# EXERCISE DIRECTIONS:
What lines in the data below mention the string "IFCMATERIALLAYERSET"? Copy them out.

# MATERIAL FOR THE TASK:

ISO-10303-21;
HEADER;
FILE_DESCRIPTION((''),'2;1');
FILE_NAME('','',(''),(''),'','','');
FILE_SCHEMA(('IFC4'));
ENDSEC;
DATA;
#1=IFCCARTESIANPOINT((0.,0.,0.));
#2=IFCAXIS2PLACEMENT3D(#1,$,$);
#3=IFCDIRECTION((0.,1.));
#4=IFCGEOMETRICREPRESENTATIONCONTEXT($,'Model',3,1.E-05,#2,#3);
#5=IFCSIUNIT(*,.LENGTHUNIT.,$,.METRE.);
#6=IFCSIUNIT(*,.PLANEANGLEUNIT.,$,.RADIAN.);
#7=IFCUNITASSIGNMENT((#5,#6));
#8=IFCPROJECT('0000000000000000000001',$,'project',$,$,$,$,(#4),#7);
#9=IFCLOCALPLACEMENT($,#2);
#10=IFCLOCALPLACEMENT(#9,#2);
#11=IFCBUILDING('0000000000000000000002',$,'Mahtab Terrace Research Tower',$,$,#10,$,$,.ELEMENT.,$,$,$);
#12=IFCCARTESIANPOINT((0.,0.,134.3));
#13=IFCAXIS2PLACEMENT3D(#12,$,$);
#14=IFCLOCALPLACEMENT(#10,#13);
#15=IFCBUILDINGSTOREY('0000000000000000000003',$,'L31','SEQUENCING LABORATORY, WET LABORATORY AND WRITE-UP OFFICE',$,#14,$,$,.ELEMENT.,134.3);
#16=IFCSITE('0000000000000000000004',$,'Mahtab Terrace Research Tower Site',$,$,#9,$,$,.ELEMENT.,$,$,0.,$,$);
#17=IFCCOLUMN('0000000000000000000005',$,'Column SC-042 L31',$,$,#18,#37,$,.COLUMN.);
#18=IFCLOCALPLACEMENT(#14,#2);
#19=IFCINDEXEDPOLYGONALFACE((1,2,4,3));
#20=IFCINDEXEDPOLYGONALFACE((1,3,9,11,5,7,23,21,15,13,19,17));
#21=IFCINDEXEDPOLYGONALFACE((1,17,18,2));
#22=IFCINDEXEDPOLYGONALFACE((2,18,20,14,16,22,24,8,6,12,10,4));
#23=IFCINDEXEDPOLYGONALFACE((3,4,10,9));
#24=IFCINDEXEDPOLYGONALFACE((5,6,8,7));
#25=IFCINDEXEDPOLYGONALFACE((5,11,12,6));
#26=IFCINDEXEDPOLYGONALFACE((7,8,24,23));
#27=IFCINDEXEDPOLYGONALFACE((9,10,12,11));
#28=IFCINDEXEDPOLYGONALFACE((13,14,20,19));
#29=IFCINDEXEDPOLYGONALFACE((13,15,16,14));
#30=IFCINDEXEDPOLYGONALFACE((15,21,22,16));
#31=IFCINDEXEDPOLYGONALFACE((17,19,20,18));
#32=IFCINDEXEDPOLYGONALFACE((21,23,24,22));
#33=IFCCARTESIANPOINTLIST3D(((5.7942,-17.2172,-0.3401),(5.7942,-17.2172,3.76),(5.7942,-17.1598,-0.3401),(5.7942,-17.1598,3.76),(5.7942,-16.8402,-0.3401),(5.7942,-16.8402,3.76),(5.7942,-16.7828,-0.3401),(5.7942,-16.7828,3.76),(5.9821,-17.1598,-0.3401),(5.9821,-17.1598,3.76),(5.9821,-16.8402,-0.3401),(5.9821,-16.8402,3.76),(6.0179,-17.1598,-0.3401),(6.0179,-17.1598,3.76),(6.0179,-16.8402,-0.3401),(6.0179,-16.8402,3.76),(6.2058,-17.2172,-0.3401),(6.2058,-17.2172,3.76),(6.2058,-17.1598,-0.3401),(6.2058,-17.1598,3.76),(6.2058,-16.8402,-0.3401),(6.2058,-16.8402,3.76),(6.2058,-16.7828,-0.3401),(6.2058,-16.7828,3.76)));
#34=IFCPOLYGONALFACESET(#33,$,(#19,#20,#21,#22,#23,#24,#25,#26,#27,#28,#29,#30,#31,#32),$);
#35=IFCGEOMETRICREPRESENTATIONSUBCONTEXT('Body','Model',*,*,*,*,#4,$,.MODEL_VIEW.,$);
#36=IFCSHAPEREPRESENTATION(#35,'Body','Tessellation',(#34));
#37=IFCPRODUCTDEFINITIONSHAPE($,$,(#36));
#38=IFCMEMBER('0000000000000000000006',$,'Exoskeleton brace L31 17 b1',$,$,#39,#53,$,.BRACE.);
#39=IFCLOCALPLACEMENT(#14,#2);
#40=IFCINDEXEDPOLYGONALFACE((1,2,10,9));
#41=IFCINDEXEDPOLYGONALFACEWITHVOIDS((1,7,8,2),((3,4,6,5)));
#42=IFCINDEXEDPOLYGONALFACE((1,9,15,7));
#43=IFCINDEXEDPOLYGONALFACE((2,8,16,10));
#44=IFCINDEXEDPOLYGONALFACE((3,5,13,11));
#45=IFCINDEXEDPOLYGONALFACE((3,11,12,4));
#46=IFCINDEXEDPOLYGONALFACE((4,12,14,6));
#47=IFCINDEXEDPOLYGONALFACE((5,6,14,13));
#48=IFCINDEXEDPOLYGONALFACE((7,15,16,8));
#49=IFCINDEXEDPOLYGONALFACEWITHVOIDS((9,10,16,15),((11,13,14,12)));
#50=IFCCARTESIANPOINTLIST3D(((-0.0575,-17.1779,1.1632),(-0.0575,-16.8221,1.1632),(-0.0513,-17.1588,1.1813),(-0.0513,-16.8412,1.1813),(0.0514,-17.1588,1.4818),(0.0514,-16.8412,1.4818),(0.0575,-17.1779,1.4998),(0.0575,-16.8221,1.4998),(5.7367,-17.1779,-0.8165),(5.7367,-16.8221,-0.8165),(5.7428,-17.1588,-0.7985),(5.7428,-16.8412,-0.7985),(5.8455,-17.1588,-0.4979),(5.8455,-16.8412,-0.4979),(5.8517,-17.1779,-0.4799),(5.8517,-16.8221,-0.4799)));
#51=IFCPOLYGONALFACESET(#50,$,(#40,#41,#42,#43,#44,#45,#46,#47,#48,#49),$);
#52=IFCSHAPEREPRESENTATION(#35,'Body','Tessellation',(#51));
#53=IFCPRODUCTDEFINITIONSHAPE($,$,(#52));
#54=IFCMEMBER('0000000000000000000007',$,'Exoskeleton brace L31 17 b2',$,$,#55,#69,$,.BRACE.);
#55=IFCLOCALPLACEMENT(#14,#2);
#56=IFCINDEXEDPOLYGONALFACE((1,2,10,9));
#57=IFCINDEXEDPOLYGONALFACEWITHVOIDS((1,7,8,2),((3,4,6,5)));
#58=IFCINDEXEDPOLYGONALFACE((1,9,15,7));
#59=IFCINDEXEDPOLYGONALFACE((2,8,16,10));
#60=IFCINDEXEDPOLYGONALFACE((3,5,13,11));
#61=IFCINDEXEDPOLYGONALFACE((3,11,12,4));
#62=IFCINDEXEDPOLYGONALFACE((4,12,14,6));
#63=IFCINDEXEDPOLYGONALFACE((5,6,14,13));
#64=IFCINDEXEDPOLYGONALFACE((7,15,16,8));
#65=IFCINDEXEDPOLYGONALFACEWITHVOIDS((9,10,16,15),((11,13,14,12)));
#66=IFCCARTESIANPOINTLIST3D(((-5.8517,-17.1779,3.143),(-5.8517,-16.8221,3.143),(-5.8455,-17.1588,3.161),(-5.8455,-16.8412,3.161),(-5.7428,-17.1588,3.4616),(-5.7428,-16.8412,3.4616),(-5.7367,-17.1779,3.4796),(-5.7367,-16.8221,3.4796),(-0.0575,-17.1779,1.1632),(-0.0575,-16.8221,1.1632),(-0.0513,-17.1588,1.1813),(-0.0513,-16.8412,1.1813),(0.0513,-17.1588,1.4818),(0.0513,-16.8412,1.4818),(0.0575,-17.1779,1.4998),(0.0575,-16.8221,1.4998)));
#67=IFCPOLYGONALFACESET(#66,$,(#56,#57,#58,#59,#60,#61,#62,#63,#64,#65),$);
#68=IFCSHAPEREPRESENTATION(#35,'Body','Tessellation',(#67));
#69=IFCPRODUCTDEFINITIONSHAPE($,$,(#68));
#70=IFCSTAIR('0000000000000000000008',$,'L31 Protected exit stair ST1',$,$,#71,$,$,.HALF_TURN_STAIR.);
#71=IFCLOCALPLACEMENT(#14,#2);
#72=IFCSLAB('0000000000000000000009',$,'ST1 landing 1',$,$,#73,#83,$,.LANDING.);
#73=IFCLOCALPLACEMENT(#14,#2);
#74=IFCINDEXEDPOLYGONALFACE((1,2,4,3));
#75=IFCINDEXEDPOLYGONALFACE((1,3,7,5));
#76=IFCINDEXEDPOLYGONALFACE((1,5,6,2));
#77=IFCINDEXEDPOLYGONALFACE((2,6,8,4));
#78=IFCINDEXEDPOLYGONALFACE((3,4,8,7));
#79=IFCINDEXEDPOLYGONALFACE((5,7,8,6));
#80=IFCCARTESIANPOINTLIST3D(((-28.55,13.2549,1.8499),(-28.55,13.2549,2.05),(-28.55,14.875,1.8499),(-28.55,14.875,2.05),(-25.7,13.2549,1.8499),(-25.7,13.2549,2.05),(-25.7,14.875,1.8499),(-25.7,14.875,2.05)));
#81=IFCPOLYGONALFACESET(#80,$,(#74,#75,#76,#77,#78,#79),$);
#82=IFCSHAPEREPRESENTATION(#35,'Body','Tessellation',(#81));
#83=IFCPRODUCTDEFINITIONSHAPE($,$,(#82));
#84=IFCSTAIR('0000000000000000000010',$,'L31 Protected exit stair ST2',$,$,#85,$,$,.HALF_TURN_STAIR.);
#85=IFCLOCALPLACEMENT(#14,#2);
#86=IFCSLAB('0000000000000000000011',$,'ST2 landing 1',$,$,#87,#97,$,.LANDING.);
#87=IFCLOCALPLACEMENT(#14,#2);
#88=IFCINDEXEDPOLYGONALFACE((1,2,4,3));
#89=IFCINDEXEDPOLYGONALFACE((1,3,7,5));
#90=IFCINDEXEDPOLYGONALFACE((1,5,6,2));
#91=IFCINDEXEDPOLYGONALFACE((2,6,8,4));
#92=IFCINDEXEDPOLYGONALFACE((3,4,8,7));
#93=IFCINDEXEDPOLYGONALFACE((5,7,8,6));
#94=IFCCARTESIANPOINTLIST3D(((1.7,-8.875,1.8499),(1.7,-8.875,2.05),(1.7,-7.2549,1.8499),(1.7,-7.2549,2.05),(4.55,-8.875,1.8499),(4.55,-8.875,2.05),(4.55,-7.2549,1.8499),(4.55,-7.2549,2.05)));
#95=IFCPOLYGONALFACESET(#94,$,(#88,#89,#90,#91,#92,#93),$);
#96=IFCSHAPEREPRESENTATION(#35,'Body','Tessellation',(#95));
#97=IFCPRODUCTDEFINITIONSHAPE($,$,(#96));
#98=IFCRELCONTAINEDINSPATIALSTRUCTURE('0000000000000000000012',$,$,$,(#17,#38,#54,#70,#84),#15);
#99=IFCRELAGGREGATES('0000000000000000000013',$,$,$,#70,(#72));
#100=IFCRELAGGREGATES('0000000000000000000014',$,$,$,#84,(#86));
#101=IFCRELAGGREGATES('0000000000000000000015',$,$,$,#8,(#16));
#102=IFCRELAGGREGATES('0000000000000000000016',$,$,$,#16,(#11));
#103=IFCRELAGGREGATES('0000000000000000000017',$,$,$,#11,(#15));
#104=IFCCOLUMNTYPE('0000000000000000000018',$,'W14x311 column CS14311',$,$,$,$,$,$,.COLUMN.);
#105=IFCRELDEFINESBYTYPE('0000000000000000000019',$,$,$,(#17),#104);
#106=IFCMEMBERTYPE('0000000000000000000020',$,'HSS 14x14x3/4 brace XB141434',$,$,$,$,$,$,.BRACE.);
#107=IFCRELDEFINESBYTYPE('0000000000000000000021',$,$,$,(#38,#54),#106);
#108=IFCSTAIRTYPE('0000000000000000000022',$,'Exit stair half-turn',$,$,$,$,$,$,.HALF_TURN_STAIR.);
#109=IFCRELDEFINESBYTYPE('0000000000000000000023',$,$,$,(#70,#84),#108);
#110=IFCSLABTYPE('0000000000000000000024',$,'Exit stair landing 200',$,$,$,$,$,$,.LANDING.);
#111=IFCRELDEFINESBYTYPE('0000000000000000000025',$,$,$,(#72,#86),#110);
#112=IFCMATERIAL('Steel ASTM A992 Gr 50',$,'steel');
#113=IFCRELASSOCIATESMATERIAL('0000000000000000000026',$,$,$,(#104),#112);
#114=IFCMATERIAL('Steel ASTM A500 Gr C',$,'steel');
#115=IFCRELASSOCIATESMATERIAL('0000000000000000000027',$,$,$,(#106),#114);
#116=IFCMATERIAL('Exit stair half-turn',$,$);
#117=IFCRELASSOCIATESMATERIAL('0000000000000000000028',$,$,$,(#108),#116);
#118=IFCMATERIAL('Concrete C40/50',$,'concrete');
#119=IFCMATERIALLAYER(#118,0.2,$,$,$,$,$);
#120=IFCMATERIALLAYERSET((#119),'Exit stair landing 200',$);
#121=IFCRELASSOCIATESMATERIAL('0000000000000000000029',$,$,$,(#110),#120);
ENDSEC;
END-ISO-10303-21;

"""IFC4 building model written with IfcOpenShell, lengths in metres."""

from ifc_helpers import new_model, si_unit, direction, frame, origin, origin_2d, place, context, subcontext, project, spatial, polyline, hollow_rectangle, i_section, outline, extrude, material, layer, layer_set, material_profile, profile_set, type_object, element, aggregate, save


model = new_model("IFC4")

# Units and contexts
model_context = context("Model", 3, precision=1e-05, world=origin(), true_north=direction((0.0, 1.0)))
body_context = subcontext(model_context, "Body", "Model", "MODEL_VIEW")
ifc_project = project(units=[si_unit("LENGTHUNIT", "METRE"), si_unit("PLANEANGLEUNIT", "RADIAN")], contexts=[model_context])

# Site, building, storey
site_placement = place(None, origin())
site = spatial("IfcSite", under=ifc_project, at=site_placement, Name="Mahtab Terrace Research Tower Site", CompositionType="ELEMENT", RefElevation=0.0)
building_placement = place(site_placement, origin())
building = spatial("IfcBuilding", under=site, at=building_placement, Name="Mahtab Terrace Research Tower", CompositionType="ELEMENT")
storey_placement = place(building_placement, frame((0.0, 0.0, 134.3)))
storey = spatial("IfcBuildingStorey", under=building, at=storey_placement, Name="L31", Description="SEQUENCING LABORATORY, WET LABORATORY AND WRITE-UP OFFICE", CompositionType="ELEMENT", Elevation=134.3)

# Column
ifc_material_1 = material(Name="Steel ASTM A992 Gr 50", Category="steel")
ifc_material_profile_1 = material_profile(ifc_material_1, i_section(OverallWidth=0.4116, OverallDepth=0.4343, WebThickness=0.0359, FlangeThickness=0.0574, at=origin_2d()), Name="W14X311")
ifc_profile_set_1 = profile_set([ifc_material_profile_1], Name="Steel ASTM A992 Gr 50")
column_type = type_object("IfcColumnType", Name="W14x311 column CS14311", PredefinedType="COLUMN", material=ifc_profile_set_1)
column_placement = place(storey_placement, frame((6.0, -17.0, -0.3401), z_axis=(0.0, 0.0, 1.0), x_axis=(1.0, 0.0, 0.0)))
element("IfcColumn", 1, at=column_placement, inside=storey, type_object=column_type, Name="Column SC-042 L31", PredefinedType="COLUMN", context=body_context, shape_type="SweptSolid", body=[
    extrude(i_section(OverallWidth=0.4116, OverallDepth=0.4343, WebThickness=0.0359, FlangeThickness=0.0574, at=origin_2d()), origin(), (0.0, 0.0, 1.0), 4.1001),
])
==
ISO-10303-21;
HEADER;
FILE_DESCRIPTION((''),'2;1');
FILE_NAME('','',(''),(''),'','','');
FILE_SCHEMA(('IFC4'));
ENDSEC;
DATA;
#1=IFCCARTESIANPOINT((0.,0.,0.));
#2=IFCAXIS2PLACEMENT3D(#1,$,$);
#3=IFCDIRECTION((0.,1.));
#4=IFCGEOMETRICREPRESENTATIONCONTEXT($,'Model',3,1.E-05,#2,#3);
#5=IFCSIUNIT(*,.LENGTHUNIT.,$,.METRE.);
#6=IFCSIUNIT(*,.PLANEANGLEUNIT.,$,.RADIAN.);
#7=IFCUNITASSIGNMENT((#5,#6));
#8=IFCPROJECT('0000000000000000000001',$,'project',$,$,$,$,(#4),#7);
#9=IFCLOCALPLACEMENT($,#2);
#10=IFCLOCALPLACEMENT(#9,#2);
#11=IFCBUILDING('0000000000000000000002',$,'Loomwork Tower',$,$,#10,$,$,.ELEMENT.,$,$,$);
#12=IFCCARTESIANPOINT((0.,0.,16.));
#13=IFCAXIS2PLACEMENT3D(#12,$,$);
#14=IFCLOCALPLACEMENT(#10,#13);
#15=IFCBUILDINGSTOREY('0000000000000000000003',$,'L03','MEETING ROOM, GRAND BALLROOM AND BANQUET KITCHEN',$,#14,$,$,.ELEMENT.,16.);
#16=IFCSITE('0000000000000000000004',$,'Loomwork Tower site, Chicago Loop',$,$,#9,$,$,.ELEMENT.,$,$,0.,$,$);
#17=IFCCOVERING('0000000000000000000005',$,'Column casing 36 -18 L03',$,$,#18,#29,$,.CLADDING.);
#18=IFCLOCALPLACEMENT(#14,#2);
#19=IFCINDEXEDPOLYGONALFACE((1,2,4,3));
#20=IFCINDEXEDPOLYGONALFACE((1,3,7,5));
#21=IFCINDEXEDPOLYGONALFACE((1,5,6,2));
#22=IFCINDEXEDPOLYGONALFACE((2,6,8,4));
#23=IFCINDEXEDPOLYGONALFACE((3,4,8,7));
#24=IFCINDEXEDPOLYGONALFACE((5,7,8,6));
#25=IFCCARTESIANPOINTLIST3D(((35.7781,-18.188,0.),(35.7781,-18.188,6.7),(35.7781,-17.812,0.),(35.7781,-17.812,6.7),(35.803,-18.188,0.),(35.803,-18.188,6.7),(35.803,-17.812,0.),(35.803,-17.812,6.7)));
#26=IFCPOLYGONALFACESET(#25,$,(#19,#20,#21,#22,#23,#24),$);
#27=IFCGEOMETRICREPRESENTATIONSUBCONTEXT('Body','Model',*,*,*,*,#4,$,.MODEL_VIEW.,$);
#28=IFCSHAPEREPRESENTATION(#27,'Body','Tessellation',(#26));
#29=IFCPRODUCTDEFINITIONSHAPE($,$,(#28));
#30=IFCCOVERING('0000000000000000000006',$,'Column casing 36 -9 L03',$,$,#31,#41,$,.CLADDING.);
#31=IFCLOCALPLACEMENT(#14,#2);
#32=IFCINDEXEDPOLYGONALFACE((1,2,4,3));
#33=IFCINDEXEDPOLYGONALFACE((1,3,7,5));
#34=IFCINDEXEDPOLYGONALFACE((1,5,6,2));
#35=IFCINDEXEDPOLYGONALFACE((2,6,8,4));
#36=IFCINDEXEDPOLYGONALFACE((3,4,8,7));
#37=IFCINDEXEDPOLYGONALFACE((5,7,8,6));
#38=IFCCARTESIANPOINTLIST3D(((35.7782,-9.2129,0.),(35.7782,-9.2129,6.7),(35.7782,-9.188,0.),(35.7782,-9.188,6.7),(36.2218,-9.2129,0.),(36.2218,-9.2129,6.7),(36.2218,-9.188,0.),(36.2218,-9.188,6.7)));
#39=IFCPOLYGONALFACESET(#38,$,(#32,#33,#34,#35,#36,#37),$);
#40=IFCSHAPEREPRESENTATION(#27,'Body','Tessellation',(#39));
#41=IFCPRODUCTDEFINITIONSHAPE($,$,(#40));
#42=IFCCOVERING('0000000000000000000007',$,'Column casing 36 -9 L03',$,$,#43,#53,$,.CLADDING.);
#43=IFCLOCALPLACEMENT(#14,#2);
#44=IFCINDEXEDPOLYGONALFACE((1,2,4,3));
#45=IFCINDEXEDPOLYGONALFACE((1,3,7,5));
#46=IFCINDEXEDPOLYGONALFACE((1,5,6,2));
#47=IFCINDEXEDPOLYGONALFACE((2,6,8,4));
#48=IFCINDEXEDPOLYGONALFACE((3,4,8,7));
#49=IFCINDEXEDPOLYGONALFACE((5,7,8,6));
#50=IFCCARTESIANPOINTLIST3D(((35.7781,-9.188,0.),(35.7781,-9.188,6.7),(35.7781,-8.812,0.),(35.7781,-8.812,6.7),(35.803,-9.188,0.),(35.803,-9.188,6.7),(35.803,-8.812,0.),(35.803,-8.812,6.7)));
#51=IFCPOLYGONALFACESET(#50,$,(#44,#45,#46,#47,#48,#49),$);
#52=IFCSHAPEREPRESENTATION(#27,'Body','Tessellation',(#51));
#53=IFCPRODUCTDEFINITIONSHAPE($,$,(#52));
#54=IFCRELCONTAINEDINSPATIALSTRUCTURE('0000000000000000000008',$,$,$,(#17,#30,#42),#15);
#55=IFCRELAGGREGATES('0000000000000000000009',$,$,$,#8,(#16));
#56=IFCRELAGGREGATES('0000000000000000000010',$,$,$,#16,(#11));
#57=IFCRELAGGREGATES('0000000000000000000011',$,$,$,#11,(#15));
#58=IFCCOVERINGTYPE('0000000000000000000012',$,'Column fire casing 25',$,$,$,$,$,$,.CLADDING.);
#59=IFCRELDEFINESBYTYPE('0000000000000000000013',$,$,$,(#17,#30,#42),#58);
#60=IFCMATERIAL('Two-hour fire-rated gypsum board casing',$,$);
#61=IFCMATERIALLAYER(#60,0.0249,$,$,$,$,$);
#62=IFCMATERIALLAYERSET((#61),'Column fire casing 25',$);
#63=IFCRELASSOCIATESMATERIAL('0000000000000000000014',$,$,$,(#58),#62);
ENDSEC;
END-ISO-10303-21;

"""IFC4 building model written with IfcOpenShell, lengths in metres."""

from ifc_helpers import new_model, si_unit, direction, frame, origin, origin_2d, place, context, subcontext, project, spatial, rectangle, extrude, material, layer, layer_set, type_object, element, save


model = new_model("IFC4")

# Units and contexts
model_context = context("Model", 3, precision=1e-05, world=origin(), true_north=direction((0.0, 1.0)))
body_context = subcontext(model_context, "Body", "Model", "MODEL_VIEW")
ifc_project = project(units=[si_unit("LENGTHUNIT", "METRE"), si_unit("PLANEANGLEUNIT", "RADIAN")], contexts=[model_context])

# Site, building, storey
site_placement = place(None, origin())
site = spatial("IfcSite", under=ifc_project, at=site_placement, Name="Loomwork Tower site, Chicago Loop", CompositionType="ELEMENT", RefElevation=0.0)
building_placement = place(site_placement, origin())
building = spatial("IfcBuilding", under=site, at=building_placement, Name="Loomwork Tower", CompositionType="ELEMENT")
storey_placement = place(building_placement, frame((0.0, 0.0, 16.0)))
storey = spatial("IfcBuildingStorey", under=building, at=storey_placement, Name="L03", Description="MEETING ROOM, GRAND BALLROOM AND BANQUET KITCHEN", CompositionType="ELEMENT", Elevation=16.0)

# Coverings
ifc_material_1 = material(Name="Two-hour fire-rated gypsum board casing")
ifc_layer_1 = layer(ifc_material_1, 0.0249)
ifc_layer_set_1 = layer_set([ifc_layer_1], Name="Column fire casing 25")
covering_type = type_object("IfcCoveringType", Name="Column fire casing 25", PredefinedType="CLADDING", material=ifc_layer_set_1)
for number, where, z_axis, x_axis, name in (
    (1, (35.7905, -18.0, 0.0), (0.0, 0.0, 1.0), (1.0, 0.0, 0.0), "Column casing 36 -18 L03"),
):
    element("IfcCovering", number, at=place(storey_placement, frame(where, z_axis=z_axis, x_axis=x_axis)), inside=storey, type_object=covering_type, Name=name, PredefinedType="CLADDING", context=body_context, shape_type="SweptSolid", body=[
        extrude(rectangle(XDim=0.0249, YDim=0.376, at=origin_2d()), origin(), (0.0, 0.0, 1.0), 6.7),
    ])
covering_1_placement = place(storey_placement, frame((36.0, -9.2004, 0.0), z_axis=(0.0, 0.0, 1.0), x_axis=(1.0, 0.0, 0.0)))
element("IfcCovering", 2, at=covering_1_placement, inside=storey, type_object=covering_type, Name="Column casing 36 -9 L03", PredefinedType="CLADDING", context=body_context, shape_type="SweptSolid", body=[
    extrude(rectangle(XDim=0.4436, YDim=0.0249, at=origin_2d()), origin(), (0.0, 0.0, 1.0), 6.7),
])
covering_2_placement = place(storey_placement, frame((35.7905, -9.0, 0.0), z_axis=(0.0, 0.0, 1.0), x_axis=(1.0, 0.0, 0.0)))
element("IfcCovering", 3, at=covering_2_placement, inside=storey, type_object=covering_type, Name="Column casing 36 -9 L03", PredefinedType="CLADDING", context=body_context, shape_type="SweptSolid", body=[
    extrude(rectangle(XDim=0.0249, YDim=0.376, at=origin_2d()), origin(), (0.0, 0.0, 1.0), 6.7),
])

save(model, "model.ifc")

# WRITTEN REPLY:
#120=IFCMATERIALLAYERSET((#119),'Exit stair landing 200',$);
#62=IFCMATERIALLAYERSET((#61),'Column fire casing 25',$);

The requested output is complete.